Work to complete: Find the string "IfcBuildingStorey" in the data, then copy every line where it is found.

Working data:

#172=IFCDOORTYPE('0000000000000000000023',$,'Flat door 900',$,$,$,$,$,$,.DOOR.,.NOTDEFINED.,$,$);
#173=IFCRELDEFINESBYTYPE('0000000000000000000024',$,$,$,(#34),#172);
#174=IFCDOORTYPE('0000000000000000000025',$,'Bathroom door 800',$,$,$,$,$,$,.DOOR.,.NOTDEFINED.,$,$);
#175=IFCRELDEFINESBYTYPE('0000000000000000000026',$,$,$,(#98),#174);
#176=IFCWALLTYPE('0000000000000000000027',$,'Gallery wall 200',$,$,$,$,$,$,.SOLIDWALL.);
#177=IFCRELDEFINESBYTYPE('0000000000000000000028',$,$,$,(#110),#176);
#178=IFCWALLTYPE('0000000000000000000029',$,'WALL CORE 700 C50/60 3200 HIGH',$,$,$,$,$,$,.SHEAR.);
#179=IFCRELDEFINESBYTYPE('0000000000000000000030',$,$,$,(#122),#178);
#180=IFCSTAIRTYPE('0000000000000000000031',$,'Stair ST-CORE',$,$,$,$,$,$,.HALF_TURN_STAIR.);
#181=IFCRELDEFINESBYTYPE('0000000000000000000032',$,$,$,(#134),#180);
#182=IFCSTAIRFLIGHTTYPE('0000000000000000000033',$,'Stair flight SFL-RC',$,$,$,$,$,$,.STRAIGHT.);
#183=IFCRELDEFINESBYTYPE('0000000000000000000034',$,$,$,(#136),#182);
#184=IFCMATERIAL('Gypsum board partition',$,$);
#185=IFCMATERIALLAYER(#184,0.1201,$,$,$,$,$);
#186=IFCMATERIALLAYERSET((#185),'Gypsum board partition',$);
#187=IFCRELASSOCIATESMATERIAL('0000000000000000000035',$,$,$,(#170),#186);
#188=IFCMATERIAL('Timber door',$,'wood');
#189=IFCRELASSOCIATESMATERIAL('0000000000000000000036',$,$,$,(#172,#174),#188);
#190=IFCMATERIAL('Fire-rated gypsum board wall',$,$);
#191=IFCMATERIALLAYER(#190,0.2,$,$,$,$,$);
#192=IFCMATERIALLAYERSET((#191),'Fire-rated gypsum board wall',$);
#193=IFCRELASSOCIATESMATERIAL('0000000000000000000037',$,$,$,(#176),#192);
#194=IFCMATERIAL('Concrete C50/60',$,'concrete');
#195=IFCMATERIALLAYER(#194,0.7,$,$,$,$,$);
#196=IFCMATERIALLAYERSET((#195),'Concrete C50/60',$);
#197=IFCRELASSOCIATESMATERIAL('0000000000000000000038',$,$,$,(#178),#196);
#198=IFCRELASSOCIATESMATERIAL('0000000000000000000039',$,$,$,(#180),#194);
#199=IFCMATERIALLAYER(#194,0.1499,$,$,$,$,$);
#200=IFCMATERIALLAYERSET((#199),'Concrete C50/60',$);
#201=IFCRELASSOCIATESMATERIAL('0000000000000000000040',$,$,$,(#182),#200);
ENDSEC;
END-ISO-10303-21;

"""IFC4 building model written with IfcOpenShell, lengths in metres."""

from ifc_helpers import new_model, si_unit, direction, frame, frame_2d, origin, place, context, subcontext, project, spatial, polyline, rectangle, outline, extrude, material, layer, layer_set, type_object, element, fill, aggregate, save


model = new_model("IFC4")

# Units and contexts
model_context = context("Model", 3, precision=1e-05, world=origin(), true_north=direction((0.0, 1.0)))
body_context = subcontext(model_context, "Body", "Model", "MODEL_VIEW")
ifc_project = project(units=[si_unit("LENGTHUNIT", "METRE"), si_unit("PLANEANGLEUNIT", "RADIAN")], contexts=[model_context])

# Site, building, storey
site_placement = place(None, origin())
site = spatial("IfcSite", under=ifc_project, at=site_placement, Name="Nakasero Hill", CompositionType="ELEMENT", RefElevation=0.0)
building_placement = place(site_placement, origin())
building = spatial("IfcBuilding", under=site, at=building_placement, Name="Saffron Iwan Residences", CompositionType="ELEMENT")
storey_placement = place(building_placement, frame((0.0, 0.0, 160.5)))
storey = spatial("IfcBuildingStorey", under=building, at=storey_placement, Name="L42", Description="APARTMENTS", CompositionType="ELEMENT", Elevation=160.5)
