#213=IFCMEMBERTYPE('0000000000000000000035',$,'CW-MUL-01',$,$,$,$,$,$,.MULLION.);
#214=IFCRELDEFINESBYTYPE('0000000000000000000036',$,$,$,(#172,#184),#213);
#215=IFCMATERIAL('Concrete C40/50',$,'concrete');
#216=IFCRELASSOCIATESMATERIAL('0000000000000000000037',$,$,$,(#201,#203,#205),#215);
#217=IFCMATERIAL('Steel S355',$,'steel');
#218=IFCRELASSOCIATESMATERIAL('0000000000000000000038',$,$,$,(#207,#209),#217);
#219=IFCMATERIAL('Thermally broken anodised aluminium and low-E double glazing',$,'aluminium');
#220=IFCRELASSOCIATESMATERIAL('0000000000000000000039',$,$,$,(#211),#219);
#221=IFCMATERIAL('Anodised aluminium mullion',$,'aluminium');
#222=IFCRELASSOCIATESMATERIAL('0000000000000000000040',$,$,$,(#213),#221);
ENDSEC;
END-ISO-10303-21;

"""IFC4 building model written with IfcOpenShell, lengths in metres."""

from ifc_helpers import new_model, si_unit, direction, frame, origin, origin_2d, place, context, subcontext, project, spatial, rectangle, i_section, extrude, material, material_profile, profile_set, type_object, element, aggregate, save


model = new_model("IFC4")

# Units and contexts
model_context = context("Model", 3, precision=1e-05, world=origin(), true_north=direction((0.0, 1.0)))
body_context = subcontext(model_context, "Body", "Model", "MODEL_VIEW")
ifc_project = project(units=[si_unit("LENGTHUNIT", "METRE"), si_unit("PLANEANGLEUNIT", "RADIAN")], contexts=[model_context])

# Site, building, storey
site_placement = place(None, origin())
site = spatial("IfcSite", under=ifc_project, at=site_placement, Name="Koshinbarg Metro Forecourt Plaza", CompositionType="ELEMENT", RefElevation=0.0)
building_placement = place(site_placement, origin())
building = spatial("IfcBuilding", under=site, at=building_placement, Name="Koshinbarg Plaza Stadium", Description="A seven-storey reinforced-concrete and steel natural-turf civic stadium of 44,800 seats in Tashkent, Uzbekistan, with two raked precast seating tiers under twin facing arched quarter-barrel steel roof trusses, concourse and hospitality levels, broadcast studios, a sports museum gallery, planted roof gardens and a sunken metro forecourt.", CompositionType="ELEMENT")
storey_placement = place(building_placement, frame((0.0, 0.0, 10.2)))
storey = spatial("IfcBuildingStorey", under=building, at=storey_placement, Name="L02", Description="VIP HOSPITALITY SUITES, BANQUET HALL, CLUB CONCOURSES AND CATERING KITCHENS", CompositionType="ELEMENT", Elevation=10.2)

Solution for this exercise:
storey = spatial("IfcBuildingStorey", under=building, at=storey_placement, Name="L42", Description="APARTMENTS", CompositionType="ELEMENT", Elevation=160.5)
storey = spatial("IfcBuildingStorey", under=building, at=storey_placement, Name="L02", Description="VIP HOSPITALITY SUITES, BANQUET HALL, CLUB CONCOURSES AND CATERING KITCHENS", CompositionType="ELEMENT", Elevation=10.2)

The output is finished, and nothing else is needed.